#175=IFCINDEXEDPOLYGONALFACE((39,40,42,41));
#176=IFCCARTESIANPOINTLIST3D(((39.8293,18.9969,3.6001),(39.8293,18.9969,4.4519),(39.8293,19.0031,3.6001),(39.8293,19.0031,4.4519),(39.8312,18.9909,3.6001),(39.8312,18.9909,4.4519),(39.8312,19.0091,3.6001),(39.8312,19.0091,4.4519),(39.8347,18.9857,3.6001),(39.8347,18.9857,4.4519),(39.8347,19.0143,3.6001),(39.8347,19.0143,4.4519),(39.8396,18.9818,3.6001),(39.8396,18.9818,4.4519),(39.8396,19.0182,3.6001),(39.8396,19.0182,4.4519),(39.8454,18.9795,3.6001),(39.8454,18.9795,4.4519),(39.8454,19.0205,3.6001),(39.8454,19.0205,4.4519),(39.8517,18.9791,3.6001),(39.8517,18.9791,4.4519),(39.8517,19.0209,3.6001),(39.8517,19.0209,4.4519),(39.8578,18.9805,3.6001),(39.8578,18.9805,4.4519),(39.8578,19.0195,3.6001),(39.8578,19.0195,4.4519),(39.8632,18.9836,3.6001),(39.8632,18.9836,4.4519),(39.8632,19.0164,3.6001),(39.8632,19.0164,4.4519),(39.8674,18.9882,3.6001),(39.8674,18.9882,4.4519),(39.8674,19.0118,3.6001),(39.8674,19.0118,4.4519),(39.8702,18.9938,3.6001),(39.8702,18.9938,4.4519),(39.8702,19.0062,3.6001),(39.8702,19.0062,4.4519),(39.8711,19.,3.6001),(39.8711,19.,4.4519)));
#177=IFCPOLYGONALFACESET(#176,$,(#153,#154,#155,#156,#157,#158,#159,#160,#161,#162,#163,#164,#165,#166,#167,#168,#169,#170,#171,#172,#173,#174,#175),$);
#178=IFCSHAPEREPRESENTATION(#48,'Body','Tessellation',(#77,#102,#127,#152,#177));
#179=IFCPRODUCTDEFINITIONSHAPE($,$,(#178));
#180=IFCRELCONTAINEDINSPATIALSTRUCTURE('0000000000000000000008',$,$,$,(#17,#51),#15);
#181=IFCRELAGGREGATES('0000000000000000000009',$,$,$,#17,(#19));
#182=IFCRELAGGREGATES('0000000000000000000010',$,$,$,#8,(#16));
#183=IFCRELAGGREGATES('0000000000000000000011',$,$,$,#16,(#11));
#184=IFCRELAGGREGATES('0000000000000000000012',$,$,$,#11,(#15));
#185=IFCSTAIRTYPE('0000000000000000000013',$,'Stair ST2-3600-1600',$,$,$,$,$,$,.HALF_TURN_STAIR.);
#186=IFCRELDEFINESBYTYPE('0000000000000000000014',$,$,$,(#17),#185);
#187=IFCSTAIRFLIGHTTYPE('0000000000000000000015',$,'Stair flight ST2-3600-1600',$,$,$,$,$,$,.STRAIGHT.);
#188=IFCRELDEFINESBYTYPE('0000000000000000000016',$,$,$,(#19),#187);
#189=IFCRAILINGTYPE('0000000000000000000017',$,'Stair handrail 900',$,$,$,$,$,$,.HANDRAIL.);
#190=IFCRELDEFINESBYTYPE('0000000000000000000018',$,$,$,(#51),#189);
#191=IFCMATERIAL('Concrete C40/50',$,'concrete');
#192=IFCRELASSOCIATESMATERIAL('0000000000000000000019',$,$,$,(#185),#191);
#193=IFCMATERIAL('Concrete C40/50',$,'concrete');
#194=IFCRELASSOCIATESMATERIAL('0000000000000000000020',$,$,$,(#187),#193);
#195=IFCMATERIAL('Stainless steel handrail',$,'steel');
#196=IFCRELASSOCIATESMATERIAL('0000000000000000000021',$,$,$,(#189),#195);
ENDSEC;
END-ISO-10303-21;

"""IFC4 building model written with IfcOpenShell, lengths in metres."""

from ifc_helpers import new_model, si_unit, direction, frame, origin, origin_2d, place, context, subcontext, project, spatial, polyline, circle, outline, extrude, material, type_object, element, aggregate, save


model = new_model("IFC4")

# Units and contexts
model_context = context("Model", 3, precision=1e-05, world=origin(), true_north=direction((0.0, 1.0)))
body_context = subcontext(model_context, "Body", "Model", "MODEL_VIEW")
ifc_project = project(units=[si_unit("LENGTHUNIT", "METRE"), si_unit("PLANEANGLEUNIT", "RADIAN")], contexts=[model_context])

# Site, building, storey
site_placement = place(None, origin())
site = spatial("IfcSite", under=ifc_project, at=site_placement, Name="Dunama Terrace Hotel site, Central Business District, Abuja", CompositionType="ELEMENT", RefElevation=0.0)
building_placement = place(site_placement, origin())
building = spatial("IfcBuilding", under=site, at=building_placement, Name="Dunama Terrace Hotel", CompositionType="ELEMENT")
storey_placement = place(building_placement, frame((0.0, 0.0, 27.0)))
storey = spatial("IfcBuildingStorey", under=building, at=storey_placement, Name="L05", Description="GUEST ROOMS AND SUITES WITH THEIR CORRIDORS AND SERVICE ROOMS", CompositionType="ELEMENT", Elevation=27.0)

• To do: Line count for "Hotel": count the lines in the records above that hold this word, and give only the number.

• Exercise answer: 2